After locating the line with "#95=IFCMATERIALLAYER(#94,0.1499,$,$,$,$,$);" in the data that follows, return it and every later line exactly, up to and including the line with "END-ISO-10303-21;".

Top of Supplied entries

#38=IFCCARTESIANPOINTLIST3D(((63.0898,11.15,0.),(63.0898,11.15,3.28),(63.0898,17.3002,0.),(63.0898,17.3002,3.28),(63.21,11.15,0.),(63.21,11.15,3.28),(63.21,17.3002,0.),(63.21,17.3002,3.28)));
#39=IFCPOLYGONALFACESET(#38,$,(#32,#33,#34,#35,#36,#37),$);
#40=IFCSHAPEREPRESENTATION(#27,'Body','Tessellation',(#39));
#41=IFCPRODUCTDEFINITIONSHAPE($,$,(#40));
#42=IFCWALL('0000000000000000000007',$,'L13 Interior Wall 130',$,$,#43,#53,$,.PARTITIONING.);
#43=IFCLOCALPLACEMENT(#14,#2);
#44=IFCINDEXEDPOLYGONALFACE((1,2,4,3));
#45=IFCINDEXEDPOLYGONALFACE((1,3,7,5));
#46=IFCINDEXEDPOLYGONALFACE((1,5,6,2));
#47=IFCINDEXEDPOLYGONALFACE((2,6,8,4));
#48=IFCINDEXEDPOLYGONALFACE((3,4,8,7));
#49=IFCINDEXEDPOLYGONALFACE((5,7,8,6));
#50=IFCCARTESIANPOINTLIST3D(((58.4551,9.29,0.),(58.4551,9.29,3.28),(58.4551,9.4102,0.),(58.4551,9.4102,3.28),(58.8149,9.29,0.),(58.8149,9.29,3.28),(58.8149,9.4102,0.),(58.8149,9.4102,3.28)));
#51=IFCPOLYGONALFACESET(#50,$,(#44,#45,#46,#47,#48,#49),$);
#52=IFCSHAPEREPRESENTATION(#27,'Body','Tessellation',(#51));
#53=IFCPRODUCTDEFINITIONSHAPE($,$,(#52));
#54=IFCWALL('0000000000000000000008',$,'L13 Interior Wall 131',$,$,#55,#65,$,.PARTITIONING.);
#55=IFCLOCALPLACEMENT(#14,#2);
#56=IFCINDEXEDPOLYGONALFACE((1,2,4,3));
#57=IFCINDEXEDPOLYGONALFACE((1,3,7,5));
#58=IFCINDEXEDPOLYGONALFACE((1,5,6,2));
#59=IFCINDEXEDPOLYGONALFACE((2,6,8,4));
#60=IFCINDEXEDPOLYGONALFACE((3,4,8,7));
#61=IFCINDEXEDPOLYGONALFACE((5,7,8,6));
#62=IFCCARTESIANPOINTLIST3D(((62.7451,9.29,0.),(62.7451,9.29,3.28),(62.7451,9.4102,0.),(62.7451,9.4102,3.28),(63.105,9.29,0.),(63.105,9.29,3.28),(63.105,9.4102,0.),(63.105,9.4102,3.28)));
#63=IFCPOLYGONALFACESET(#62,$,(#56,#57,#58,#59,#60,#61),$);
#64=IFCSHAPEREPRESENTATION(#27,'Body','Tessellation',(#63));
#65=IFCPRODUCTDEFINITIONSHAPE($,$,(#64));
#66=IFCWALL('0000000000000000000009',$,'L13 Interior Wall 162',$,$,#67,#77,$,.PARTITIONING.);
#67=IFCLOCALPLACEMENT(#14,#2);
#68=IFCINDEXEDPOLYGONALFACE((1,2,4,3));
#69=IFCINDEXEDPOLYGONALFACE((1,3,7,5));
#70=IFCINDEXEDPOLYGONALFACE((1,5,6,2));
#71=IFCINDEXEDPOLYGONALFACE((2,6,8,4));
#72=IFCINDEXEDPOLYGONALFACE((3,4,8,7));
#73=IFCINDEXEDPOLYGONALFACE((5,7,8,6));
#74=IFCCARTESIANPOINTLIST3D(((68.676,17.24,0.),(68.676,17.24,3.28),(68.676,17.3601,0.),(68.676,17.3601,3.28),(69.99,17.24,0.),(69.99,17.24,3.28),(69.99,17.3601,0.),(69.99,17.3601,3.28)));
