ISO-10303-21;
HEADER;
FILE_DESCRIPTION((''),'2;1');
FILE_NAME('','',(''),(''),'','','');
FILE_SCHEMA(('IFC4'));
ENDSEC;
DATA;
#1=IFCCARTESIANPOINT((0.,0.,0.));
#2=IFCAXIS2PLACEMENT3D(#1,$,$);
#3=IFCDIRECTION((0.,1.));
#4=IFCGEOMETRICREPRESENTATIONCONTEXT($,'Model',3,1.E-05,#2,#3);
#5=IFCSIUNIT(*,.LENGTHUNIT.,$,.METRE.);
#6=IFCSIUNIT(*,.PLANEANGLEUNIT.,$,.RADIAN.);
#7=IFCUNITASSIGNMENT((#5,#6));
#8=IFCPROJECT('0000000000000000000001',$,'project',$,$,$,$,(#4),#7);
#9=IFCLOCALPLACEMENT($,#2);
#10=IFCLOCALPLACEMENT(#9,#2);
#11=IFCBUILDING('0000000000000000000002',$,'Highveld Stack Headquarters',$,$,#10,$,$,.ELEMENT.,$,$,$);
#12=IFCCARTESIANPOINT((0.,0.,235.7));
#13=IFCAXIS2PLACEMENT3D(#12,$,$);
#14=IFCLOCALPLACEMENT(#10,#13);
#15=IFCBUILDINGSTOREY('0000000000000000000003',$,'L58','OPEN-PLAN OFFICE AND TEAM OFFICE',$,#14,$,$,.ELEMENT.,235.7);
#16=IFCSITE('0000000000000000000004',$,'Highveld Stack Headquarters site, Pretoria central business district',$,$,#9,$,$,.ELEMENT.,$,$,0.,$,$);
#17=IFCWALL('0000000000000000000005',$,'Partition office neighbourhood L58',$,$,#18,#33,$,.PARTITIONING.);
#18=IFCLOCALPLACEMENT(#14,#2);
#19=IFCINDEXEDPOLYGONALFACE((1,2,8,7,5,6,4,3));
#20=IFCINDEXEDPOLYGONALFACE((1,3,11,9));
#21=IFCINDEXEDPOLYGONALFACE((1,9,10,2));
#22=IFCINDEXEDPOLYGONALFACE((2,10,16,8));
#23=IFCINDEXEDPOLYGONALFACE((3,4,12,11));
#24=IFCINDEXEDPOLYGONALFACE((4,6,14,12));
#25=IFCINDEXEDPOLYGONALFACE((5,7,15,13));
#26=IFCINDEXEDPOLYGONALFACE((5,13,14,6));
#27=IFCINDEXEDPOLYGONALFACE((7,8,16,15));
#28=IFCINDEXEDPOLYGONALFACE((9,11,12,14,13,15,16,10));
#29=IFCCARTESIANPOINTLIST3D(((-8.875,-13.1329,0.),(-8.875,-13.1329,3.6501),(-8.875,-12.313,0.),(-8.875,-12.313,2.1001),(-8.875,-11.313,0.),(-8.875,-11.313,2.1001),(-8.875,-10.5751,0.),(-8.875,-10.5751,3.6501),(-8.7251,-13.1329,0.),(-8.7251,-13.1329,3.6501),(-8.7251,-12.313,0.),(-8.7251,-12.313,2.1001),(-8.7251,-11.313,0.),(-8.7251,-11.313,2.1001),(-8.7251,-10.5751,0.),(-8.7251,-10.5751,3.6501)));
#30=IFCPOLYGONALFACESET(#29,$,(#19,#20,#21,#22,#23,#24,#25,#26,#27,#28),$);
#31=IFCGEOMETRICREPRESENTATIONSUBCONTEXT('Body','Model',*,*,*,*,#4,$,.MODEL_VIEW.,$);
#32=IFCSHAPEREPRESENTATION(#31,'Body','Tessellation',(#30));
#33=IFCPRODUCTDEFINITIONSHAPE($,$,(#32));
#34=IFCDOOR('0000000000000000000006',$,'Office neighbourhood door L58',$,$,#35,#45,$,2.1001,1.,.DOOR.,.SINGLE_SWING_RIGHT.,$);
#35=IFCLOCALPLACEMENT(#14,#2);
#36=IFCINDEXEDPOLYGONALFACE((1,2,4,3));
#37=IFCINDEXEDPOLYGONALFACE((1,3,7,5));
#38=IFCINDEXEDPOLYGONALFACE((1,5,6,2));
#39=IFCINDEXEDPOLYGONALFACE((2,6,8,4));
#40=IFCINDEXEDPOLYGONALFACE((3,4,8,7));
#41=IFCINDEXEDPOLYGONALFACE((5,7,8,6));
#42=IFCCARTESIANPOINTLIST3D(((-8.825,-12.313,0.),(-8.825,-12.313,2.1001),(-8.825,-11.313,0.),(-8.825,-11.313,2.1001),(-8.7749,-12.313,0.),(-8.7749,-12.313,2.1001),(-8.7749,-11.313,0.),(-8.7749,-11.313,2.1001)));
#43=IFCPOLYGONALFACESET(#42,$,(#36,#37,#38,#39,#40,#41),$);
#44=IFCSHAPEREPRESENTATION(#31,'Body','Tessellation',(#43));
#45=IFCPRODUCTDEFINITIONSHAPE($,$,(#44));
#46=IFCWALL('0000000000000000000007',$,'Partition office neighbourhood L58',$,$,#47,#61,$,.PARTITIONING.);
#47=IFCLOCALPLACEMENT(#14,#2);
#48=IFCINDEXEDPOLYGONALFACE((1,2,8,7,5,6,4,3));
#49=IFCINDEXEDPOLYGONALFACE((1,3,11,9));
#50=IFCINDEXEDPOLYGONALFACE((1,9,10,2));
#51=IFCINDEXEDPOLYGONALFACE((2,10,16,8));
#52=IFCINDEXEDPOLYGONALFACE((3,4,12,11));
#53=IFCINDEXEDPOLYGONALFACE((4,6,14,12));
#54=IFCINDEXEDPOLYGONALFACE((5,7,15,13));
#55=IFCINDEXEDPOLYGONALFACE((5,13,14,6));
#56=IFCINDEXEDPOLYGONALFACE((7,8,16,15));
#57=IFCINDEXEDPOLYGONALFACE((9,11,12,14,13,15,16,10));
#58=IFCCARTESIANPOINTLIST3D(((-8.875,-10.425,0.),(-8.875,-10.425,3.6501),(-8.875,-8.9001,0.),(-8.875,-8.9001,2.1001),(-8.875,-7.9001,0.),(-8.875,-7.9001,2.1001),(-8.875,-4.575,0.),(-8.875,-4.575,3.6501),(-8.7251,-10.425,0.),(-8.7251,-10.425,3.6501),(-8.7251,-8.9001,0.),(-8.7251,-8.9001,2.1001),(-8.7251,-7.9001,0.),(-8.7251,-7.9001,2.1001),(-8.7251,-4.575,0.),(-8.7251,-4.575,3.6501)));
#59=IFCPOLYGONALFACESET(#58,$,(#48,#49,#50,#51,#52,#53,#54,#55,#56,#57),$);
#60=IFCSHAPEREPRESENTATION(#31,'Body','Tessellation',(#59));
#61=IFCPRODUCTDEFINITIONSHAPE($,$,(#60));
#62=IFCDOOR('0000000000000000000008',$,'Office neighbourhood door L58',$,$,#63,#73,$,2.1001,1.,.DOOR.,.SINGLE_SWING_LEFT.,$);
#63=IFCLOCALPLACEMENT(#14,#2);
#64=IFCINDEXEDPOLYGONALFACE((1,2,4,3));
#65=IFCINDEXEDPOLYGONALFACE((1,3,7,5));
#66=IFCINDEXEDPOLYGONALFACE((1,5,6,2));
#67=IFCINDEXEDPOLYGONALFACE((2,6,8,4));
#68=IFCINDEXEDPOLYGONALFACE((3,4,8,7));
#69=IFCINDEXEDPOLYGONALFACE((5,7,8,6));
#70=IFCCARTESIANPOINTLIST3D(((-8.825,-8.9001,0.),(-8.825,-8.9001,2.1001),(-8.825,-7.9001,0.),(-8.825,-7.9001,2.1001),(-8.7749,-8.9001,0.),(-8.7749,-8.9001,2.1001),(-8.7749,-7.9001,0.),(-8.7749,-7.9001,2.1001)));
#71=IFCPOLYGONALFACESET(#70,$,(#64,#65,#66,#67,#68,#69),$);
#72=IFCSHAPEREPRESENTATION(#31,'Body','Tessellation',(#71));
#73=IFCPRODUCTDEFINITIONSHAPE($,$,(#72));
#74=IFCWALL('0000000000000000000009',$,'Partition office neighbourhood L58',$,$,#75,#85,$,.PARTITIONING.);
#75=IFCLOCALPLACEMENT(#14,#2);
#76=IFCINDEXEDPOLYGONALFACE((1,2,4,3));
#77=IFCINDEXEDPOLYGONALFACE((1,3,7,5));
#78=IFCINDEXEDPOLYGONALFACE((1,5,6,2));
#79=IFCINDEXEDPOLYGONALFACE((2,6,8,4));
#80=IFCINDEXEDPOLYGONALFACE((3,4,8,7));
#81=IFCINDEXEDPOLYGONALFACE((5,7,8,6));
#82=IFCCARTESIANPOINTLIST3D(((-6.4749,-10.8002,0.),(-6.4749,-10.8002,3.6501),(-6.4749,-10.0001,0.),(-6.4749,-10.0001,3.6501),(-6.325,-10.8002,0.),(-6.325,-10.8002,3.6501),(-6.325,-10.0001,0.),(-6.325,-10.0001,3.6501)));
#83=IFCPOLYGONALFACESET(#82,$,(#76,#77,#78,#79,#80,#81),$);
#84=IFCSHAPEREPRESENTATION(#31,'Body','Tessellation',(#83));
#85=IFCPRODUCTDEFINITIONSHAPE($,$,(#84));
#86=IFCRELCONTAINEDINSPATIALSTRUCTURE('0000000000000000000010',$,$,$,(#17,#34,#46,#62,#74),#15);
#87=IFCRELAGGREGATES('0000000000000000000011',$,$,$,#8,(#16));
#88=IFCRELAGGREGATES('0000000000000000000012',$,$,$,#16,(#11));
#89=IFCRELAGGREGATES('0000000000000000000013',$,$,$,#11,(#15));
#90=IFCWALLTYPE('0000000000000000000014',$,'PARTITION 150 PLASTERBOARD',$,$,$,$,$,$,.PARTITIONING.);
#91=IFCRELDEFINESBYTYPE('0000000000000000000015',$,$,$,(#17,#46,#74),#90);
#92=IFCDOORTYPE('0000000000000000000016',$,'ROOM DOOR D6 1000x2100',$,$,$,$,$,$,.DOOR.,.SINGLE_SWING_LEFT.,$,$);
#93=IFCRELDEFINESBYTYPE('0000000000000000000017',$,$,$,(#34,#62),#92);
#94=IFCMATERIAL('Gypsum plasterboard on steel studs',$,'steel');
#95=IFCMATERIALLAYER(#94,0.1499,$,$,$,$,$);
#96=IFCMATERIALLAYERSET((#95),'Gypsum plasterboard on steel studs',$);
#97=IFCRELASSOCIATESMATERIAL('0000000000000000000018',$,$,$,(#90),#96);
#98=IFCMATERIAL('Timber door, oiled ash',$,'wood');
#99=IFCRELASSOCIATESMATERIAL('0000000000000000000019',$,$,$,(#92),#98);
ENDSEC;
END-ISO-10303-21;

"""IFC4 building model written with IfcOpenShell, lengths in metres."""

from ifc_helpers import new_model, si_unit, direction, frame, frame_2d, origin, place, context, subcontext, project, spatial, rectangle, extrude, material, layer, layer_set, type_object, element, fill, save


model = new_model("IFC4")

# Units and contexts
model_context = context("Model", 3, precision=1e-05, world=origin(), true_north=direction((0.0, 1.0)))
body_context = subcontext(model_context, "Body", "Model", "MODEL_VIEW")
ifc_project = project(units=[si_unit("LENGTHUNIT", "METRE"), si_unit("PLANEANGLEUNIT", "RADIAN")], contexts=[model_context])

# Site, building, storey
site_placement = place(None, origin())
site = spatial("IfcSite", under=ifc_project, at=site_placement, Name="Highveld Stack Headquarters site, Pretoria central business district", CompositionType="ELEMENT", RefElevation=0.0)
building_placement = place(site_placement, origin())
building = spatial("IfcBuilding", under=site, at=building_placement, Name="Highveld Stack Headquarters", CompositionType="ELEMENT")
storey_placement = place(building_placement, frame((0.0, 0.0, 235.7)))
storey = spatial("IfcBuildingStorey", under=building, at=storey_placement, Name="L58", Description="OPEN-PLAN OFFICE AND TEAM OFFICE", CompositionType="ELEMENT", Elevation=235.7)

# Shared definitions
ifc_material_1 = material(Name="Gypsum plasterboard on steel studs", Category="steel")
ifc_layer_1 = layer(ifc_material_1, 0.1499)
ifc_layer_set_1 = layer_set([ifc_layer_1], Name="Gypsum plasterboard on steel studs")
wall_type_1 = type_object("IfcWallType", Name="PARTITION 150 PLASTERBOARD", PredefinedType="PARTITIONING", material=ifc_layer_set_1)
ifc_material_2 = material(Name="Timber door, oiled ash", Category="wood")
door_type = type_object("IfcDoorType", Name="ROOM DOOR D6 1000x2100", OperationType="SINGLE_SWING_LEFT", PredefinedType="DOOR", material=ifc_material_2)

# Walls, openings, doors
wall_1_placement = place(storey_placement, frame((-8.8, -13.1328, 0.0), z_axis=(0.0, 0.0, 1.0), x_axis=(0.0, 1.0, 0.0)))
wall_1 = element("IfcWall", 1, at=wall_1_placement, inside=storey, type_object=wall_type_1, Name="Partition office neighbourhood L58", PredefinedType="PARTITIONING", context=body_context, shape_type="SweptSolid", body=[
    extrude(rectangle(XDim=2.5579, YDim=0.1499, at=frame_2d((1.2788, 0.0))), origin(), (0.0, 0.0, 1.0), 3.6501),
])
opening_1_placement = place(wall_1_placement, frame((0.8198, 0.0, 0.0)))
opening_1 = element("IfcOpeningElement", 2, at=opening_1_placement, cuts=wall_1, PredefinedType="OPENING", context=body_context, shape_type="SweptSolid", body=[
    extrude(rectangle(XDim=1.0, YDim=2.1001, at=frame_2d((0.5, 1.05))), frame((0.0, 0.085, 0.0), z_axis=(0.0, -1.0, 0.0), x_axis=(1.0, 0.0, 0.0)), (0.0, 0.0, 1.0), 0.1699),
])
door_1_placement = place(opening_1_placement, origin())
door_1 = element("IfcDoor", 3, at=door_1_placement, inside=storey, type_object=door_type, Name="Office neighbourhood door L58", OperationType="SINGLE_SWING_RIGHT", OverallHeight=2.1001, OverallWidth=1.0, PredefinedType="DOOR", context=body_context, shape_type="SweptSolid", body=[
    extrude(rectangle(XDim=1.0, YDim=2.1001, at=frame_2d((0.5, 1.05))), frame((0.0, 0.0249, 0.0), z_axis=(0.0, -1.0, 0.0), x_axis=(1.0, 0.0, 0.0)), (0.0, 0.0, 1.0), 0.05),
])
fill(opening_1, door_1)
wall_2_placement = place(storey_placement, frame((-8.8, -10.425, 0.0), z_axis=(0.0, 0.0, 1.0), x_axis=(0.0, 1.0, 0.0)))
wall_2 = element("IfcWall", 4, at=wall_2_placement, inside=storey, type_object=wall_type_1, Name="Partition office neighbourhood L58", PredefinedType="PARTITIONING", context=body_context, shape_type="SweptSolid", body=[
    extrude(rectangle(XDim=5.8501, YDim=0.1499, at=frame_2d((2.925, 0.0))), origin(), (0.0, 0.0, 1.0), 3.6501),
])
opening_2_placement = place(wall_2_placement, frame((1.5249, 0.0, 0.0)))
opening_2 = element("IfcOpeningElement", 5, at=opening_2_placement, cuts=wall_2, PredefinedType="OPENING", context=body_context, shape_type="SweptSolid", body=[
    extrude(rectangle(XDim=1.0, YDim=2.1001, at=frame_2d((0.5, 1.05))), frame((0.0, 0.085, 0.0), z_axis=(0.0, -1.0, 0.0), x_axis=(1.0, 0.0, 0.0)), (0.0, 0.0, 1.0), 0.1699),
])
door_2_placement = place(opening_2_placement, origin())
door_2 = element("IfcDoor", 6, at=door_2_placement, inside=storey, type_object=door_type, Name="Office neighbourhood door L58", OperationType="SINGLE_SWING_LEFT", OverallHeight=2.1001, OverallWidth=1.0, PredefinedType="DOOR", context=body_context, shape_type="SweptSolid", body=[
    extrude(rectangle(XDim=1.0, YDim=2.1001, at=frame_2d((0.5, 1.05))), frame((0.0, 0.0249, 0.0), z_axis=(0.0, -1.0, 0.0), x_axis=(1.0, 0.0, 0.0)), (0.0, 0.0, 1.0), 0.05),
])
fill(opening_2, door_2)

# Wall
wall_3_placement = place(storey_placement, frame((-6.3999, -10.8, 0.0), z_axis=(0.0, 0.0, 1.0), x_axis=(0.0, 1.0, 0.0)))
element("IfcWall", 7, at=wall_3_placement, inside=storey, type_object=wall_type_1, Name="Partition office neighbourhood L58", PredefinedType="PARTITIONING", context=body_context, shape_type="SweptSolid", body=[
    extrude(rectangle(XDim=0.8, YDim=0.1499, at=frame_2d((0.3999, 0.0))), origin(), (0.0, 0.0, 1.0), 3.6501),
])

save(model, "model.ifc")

Bottom of Supplied entries

- **Finished exercise**
#95=IFCMATERIALLAYER(#94,0.1499,$,$,$,$,$);
#96=IFCMATERIALLAYERSET((#95),'Gypsum plasterboard on steel studs',$);
#97=IFCRELASSOCIATESMATERIAL('0000000000000000000018',$,$,$,(#90),#96);
#98=IFCMATERIAL('Timber door, oiled ash',$,'wood');
#99=IFCRELASSOCIATESMATERIAL('0000000000000000000019',$,$,$,(#92),#98);
ENDSEC;
END-ISO-10303-21;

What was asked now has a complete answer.